Required action
Tally the lines in the entries below where the string "Name" occurs. Reply with the total alone.
Recorded data Start Marker
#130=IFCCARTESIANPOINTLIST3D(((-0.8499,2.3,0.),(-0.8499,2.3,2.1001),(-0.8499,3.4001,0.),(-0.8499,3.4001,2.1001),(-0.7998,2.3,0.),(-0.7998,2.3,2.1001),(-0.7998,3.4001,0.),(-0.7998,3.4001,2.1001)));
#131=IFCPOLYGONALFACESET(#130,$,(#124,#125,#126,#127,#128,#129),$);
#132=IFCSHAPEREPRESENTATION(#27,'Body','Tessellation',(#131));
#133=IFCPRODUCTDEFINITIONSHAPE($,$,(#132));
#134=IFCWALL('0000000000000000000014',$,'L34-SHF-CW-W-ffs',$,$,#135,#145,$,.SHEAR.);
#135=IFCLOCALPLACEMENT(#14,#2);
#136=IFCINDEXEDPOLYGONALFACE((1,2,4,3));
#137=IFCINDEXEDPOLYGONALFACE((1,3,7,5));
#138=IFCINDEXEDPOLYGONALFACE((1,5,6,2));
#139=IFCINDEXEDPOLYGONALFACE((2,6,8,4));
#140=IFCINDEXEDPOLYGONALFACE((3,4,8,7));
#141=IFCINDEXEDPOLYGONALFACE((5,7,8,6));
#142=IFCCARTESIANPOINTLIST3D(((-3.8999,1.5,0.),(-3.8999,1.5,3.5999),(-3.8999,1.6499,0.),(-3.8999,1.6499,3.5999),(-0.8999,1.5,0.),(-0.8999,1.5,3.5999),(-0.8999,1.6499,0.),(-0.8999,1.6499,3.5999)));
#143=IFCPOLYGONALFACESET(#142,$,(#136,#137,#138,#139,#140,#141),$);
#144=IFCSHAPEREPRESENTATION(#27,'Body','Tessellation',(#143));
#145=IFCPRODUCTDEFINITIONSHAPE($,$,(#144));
Recorded data End Marker
Recorded data Start Marker
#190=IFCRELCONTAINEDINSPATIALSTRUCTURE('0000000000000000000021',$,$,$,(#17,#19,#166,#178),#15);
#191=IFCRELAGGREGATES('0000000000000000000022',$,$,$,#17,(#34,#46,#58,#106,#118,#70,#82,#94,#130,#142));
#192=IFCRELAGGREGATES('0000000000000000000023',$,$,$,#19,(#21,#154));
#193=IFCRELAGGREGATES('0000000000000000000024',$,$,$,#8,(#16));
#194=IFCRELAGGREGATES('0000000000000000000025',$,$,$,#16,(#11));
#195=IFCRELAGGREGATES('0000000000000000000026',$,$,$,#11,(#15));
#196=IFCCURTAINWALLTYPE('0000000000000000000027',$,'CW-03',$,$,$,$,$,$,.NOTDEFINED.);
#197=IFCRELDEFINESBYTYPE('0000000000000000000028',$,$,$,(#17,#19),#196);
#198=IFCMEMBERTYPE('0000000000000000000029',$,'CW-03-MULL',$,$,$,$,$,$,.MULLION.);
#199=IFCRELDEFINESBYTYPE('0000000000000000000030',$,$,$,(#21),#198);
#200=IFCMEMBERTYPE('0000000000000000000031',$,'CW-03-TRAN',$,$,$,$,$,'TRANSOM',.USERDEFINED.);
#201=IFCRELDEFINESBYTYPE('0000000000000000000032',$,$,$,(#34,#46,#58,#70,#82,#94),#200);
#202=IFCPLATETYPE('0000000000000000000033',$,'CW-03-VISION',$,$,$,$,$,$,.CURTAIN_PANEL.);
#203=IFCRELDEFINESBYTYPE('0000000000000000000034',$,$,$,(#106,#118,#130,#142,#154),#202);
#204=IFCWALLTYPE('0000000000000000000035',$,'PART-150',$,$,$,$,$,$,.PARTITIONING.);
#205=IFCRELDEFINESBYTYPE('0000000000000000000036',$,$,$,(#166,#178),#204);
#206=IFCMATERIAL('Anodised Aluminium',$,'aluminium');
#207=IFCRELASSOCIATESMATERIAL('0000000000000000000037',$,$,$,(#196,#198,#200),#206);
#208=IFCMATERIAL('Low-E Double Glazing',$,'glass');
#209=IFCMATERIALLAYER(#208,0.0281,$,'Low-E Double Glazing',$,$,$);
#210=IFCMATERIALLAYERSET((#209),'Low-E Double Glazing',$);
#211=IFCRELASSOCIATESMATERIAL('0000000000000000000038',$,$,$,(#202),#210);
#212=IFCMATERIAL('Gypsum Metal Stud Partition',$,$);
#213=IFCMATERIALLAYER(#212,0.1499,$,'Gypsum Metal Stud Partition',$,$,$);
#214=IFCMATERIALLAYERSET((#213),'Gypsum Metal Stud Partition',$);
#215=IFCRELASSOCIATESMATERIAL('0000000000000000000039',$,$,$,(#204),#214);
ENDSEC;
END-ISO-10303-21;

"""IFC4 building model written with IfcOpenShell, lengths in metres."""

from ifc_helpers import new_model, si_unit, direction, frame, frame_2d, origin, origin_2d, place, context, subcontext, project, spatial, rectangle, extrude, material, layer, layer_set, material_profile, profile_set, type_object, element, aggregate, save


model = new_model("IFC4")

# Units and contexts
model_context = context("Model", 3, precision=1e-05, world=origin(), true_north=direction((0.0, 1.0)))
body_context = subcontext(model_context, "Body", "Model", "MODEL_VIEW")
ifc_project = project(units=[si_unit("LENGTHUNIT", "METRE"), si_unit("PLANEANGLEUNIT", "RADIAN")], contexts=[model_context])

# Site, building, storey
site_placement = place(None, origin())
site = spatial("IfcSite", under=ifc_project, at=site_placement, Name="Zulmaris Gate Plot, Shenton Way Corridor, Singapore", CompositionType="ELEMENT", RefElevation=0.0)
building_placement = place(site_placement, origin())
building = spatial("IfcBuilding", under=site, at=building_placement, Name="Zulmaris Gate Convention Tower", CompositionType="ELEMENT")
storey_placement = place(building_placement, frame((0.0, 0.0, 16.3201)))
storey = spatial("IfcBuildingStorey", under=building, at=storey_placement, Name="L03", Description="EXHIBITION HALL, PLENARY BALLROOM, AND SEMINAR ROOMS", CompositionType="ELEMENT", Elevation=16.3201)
Recorded data End Marker
Written answer
3